(Saved data entries)
---

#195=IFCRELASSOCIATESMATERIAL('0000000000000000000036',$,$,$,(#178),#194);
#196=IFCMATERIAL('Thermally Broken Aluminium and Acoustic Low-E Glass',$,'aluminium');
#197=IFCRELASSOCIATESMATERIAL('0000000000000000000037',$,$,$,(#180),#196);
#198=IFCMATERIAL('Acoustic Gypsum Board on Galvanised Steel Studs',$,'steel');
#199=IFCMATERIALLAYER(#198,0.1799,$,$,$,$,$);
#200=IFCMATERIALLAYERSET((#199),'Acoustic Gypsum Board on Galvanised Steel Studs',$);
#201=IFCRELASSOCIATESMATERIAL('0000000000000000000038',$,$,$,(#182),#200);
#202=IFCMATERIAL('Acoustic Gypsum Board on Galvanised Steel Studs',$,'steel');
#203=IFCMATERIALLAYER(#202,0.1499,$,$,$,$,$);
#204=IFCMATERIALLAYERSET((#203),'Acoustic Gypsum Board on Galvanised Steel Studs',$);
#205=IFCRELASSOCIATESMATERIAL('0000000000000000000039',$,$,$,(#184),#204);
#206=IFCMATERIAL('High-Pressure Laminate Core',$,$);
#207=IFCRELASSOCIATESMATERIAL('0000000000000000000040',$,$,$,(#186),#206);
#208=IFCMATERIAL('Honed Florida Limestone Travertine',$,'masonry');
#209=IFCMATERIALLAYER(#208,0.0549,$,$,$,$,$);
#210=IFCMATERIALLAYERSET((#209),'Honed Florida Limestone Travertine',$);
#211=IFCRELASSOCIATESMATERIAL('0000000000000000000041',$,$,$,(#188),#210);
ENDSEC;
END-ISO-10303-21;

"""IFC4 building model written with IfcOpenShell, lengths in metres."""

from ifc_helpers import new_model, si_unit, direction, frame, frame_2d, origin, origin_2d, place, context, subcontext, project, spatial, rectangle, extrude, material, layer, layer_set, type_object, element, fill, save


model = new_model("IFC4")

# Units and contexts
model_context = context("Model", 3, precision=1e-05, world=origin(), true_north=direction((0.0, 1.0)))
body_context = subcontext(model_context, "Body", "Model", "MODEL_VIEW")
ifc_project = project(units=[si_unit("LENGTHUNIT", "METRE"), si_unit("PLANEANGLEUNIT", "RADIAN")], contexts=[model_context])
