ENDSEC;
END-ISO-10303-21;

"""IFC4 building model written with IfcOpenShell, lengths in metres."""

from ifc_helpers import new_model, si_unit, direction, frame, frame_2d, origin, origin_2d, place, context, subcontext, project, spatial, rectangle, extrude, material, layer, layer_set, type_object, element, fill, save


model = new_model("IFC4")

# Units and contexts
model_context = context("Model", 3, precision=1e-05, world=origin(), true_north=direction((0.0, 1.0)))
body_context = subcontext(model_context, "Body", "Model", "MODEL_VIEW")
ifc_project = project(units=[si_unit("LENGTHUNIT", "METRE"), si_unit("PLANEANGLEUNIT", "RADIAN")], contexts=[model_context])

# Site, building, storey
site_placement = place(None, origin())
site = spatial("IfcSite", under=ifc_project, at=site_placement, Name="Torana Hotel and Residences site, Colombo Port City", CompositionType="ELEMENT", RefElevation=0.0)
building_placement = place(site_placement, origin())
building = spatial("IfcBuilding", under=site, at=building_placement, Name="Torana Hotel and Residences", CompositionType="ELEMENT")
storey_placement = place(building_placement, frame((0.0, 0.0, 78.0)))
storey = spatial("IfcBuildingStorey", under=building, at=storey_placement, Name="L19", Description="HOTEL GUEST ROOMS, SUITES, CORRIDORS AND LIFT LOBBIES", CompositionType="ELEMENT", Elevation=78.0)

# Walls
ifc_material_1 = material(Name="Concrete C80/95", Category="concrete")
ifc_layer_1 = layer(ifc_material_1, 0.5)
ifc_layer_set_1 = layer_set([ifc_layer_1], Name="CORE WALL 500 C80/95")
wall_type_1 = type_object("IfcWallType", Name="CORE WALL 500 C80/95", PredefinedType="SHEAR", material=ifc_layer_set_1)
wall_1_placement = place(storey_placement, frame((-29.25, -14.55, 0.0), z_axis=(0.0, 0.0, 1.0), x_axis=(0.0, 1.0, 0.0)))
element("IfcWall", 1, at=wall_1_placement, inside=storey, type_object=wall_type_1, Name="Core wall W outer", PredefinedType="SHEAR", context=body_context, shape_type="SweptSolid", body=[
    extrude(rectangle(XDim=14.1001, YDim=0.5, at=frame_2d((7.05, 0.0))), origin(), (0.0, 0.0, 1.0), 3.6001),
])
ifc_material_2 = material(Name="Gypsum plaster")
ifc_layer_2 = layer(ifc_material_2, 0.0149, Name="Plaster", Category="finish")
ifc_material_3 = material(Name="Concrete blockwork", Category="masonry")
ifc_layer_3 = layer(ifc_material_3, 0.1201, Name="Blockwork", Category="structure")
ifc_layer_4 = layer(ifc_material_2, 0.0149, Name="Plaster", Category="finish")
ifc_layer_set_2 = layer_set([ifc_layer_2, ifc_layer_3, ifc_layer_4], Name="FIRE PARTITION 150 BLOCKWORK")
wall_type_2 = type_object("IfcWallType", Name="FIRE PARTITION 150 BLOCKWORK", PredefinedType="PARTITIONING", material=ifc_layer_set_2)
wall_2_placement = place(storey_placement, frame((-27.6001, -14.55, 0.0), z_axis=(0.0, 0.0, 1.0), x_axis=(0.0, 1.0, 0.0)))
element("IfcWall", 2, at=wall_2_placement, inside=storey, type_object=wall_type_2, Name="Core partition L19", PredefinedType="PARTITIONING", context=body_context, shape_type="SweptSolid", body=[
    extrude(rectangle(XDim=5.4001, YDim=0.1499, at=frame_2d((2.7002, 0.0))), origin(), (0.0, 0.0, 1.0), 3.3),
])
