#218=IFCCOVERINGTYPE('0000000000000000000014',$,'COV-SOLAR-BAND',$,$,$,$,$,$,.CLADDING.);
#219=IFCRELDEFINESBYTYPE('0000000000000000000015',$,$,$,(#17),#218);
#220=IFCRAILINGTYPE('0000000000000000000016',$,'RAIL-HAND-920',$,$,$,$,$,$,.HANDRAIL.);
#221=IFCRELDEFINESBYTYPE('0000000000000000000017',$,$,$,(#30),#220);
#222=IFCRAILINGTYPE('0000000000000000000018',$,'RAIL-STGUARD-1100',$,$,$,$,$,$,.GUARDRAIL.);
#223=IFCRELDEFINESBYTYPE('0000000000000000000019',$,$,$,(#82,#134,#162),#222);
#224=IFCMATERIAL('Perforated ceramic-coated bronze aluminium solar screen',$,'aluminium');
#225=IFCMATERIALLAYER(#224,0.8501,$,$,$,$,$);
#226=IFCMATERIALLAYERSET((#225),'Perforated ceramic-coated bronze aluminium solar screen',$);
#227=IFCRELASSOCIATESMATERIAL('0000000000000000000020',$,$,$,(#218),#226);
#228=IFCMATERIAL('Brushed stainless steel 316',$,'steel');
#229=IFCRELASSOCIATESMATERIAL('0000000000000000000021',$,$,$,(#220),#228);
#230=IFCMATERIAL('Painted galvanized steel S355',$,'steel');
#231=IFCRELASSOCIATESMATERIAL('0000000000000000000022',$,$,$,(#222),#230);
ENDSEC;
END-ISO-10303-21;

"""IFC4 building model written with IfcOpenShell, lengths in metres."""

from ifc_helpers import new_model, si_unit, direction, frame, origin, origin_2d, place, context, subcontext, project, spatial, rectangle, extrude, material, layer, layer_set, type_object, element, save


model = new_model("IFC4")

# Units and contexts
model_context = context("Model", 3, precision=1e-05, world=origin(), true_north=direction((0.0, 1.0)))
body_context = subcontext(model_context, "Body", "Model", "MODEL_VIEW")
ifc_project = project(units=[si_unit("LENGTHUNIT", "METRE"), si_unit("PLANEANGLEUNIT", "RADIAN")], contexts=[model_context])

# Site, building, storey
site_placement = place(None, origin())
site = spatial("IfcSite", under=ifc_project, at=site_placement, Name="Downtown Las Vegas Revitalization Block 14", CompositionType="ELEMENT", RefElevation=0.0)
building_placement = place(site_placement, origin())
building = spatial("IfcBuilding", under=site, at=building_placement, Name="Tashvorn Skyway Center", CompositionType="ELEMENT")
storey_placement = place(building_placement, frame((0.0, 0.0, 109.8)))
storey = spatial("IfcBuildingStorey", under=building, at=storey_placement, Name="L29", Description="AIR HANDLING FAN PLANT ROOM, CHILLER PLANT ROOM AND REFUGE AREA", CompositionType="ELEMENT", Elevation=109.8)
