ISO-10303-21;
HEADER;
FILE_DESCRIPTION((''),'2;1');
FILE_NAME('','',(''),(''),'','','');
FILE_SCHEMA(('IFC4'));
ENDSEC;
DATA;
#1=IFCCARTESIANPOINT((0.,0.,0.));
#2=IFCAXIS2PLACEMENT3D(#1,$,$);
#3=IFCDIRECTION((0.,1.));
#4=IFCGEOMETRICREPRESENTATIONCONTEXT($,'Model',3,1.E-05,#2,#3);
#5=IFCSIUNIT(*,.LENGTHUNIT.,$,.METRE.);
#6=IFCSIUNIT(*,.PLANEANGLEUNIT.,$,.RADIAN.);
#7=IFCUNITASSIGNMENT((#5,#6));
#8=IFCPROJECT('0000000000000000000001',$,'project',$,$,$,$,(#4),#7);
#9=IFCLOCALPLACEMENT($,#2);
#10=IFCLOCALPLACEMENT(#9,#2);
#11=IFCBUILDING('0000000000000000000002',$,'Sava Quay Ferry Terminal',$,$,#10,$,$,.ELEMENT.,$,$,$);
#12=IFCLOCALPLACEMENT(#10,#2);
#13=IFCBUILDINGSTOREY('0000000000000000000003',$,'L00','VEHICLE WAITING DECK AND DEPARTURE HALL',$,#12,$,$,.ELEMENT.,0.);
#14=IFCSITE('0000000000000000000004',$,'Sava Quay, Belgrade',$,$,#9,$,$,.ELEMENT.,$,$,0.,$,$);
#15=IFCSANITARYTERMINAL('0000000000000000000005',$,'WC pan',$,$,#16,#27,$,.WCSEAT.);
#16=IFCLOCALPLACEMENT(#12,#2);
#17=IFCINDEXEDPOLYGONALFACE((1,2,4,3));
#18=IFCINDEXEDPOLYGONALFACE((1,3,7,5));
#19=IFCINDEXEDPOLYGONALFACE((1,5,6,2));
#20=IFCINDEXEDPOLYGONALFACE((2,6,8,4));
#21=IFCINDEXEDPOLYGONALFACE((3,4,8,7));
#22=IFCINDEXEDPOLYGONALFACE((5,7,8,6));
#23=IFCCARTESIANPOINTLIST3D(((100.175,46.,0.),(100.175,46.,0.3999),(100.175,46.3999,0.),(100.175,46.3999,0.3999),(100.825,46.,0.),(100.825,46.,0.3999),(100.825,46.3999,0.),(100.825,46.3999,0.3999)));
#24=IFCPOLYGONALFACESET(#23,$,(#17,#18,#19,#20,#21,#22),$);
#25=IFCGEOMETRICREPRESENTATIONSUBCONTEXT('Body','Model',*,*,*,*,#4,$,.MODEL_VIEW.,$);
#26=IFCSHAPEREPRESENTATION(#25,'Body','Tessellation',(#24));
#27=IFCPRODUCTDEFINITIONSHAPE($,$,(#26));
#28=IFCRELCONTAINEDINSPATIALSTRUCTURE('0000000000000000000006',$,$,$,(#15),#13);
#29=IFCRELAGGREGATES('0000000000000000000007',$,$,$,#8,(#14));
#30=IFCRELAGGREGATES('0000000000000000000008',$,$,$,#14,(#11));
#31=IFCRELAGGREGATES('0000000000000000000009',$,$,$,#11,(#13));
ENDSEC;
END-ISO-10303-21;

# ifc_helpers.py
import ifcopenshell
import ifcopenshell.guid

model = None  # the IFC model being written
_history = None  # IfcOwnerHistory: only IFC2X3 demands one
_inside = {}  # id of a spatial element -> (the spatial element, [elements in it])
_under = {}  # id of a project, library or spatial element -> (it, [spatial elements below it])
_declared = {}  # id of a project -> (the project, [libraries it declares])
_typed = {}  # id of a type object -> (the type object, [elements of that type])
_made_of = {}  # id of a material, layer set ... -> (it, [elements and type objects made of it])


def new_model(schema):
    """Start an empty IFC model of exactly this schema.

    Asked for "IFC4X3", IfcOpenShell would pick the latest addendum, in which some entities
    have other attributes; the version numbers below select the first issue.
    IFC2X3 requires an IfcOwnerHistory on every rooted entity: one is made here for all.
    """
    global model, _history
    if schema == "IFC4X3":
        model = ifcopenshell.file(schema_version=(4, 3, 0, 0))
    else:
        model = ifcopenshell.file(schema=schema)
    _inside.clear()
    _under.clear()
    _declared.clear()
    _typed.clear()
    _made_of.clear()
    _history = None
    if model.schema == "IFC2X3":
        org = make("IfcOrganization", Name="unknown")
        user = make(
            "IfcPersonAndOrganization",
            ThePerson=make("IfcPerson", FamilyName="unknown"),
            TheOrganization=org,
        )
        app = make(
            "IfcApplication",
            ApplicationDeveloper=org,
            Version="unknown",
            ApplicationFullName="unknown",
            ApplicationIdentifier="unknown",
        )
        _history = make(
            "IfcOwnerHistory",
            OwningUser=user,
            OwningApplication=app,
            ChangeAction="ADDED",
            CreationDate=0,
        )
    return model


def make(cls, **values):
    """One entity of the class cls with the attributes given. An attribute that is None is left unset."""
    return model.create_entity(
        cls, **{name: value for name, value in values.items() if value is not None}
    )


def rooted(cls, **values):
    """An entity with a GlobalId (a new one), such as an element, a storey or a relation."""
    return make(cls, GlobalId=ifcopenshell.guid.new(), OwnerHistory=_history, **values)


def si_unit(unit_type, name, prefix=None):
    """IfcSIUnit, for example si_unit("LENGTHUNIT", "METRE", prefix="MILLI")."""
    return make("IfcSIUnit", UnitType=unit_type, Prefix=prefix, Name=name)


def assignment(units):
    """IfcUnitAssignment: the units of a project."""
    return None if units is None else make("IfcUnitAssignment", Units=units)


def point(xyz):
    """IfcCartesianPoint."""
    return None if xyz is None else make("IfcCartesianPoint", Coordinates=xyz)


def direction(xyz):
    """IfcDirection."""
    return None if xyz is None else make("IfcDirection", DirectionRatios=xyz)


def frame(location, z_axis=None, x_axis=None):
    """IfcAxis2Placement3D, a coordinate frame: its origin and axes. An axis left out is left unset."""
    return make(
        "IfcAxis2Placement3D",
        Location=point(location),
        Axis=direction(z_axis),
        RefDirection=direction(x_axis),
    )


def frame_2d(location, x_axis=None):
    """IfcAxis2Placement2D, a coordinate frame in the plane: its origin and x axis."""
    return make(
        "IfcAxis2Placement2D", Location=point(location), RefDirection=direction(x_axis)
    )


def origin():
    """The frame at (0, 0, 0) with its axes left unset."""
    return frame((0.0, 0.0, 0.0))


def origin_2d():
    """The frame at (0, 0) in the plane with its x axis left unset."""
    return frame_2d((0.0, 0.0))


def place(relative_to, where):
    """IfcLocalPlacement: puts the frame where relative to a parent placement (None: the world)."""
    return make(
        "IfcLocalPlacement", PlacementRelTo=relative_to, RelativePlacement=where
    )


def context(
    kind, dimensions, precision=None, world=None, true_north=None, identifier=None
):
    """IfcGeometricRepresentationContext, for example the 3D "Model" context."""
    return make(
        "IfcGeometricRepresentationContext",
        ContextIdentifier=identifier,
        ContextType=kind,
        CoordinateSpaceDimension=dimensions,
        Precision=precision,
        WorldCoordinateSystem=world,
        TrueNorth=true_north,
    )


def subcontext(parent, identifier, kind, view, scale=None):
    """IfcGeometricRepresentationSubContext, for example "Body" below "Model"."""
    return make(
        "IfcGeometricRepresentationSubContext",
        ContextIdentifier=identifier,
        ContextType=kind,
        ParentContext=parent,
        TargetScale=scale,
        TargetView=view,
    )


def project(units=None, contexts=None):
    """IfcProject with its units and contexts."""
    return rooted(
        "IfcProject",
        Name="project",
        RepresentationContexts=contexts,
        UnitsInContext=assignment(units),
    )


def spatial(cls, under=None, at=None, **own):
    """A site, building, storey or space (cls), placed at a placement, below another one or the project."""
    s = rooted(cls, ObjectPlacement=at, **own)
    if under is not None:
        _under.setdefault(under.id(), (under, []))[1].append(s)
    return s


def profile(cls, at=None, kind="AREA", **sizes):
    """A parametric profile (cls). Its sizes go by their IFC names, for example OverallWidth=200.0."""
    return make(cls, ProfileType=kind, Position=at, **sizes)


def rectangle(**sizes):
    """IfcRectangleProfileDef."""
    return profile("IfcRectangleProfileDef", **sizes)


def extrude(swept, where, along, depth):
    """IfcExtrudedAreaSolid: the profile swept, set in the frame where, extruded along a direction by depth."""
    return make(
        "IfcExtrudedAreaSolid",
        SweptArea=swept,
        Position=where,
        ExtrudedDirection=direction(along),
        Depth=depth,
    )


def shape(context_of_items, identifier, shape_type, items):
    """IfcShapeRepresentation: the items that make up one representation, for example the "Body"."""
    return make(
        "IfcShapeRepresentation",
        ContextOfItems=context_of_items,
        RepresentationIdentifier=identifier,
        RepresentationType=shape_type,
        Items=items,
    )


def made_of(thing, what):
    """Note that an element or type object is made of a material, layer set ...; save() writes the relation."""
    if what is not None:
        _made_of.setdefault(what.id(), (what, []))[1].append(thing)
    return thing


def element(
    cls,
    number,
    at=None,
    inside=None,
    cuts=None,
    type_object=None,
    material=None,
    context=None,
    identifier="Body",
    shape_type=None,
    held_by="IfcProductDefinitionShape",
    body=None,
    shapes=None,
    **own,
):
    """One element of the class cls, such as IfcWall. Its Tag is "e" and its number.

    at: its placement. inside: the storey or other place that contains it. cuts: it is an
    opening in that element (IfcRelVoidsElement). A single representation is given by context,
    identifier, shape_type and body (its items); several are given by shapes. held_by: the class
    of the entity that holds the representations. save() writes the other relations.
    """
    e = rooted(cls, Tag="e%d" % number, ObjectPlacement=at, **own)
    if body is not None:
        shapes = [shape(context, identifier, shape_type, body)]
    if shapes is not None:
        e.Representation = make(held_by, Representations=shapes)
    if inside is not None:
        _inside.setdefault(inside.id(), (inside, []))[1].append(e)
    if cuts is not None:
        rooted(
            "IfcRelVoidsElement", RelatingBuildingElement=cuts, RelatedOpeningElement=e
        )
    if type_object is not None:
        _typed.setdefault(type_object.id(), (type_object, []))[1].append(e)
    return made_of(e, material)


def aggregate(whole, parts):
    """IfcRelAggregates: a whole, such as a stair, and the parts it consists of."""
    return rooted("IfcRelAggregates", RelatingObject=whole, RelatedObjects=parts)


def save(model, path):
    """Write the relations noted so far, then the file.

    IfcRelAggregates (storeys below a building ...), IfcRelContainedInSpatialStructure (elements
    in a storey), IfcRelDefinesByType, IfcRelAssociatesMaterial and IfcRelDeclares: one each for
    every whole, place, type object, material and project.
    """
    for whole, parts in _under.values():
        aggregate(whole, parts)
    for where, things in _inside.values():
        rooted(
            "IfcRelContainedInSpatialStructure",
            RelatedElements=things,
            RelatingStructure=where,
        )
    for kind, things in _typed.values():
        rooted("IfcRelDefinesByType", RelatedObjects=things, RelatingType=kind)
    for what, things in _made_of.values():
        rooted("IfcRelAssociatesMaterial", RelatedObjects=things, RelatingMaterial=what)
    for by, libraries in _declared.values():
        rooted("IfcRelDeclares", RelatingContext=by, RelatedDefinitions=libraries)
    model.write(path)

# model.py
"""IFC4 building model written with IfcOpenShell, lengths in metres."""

from ifc_helpers import new_model, si_unit, direction, frame, origin, origin_2d, place, context, subcontext, project, spatial, rectangle, extrude, element, save


model = new_model("IFC4")

# Units and contexts
model_context = context("Model", 3, precision=1e-05, world=origin(), true_north=direction((0.0, 1.0)))
body_context = subcontext(model_context, "Body", "Model", "MODEL_VIEW")
ifc_project = project(units=[si_unit("LENGTHUNIT", "METRE"), si_unit("PLANEANGLEUNIT", "RADIAN")], contexts=[model_context])

# Site, building, storey
site_placement = place(None, origin())
site = spatial("IfcSite", under=ifc_project, at=site_placement, Name="Sava Quay, Belgrade", CompositionType="ELEMENT", RefElevation=0.0)
building_placement = place(site_placement, origin())
building = spatial("IfcBuilding", under=site, at=building_placement, Name="Sava Quay Ferry Terminal", CompositionType="ELEMENT")
storey_placement = place(building_placement, origin())
storey = spatial("IfcBuildingStorey", under=building, at=storey_placement, Name="L00", Description="VEHICLE WAITING DECK AND DEPARTURE HALL", CompositionType="ELEMENT", Elevation=0.0)

# Sanitary terminal
sanitary_terminal_placement = place(storey_placement, frame((100.5, 46.2, 0.0), z_axis=(0.0, 0.0, 1.0), x_axis=(1.0, 0.0, 0.0)))
element("IfcSanitaryTerminal", 1, at=sanitary_terminal_placement, inside=storey, Name="WC pan", PredefinedType="WCSEAT", context=body_context, shape_type="SweptSolid", body=[
    extrude(rectangle(XDim=0.6499, YDim=0.3999, at=origin_2d()), origin(), (0.0, 0.0, 1.0), 0.3999),
])

save(model, "model.ifc")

---

About this task |
Reproduce only this range: the first line of the data above through the line with "#204=IFCMATERIALLAYERSET((#203),'Acoustic Gypsum Board", both included, exactly as written.

Solution to the problem |
#195=IFCRELASSOCIATESMATERIAL('0000000000000000000036',$,$,$,(#178),#194);
#196=IFCMATERIAL('Thermally Broken Aluminium and Acoustic Low-E Glass',$,'aluminium');
#197=IFCRELASSOCIATESMATERIAL('0000000000000000000037',$,$,$,(#180),#196);
#198=IFCMATERIAL('Acoustic Gypsum Board on Galvanised Steel Studs',$,'steel');
#199=IFCMATERIALLAYER(#198,0.1799,$,$,$,$,$);
#200=IFCMATERIALLAYERSET((#199),'Acoustic Gypsum Board on Galvanised Steel Studs',$);
#201=IFCRELASSOCIATESMATERIAL('0000000000000000000038',$,$,$,(#182),#200);
#202=IFCMATERIAL('Acoustic Gypsum Board on Galvanised Steel Studs',$,'steel');
#203=IFCMATERIALLAYER(#202,0.1499,$,$,$,$,$);
#204=IFCMATERIALLAYERSET((#203),'Acoustic Gypsum Board on Galvanised Steel Studs',$);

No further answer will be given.